(Saved data entries)
+---+
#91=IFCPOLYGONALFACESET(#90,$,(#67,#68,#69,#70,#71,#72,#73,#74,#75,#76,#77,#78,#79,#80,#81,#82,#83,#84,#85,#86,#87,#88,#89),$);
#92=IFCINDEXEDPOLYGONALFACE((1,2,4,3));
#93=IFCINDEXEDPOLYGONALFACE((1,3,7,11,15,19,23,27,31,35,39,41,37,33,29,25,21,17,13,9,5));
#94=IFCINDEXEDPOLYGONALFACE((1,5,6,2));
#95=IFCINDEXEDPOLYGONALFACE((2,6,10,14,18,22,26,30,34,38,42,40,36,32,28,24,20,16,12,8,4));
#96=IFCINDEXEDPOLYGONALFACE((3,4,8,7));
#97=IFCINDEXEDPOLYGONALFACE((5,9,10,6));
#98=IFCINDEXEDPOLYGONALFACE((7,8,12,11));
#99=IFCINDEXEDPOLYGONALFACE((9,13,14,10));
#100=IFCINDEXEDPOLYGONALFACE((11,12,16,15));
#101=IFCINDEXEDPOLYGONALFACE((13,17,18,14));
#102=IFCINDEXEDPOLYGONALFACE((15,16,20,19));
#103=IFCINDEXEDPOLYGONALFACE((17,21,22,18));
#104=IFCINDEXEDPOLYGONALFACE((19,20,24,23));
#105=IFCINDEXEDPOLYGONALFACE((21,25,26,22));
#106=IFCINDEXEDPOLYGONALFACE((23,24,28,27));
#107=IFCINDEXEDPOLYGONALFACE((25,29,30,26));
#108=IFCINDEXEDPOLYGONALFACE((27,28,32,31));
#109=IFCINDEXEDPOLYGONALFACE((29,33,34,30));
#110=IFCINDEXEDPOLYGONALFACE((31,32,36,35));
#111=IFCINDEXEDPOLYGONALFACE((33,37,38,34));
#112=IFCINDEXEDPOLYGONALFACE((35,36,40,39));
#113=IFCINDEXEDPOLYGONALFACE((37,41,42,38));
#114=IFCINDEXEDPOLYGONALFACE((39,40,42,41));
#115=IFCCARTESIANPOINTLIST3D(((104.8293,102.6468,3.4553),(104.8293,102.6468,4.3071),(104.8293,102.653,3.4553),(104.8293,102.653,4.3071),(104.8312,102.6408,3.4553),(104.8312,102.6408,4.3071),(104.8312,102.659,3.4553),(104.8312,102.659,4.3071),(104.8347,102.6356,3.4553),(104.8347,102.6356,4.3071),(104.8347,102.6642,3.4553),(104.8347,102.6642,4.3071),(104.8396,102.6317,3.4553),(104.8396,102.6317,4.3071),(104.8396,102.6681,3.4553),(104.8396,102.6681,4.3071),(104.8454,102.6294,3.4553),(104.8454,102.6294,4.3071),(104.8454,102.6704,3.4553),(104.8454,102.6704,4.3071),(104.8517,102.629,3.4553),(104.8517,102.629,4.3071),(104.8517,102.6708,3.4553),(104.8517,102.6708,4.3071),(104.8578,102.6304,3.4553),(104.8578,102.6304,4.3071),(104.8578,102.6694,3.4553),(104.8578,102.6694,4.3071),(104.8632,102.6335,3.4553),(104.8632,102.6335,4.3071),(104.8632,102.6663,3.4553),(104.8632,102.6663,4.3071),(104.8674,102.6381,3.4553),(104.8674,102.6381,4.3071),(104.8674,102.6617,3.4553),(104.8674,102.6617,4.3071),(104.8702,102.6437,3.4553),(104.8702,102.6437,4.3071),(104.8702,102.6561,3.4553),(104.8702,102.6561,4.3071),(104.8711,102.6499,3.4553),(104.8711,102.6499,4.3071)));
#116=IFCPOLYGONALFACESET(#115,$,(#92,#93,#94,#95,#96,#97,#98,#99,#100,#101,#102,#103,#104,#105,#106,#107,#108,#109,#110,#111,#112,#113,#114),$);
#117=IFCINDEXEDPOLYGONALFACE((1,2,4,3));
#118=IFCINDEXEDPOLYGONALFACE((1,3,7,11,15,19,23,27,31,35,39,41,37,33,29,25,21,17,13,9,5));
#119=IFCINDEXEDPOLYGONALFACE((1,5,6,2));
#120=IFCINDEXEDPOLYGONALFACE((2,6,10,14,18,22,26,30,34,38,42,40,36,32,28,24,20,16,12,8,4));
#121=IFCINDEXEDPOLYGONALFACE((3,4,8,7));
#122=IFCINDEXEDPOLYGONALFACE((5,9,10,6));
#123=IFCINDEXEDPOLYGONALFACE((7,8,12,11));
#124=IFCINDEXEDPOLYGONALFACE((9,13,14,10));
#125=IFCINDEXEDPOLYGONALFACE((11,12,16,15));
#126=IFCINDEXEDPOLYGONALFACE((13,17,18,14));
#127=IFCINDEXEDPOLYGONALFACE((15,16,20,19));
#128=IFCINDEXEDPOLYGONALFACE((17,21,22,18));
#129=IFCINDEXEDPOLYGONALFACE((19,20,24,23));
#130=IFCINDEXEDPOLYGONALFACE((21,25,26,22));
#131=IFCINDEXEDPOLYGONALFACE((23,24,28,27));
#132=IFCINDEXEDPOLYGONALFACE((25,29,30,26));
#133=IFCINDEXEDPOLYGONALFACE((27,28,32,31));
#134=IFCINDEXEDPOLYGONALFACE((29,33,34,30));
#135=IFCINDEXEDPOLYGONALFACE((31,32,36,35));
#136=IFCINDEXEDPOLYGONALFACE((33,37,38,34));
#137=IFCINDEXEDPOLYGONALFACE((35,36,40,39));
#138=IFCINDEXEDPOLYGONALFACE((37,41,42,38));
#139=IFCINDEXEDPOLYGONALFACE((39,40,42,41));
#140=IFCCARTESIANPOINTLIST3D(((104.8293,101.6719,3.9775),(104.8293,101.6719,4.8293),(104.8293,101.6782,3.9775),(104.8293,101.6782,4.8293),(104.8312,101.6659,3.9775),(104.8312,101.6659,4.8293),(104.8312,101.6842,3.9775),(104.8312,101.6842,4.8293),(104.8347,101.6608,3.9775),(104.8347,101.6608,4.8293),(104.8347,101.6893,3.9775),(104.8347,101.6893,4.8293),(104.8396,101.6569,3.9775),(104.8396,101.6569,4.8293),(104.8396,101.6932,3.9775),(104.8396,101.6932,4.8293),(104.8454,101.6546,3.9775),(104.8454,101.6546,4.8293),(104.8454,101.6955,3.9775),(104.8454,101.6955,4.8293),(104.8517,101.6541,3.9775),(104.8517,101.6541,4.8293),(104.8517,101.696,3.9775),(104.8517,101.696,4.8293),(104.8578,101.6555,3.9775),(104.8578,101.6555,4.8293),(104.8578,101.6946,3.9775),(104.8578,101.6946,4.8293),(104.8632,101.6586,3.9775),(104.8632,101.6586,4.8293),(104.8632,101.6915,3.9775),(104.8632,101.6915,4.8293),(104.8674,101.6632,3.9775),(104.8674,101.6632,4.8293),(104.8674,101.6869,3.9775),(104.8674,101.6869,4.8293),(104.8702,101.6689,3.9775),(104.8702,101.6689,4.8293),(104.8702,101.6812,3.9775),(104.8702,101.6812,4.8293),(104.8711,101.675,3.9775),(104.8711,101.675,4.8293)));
+---+
Task instructions: Each line from the first line of the entries up to and including the line containing "#101=IFCINDEXEDPOLYGONALFACE((13,17,18,14));" should be transcribed exactly, with all other lines left out.

Problem solution:
#91=IFCPOLYGONALFACESET(#90,$,(#67,#68,#69,#70,#71,#72,#73,#74,#75,#76,#77,#78,#79,#80,#81,#82,#83,#84,#85,#86,#87,#88,#89),$);
#92=IFCINDEXEDPOLYGONALFACE((1,2,4,3));
#93=IFCINDEXEDPOLYGONALFACE((1,3,7,11,15,19,23,27,31,35,39,41,37,33,29,25,21,17,13,9,5));
#94=IFCINDEXEDPOLYGONALFACE((1,5,6,2));
#95=IFCINDEXEDPOLYGONALFACE((2,6,10,14,18,22,26,30,34,38,42,40,36,32,28,24,20,16,12,8,4));
#96=IFCINDEXEDPOLYGONALFACE((3,4,8,7));
#97=IFCINDEXEDPOLYGONALFACE((5,9,10,6));
#98=IFCINDEXEDPOLYGONALFACE((7,8,12,11));
#99=IFCINDEXEDPOLYGONALFACE((9,13,14,10));
#100=IFCINDEXEDPOLYGONALFACE((11,12,16,15));
#101=IFCINDEXEDPOLYGONALFACE((13,17,18,14));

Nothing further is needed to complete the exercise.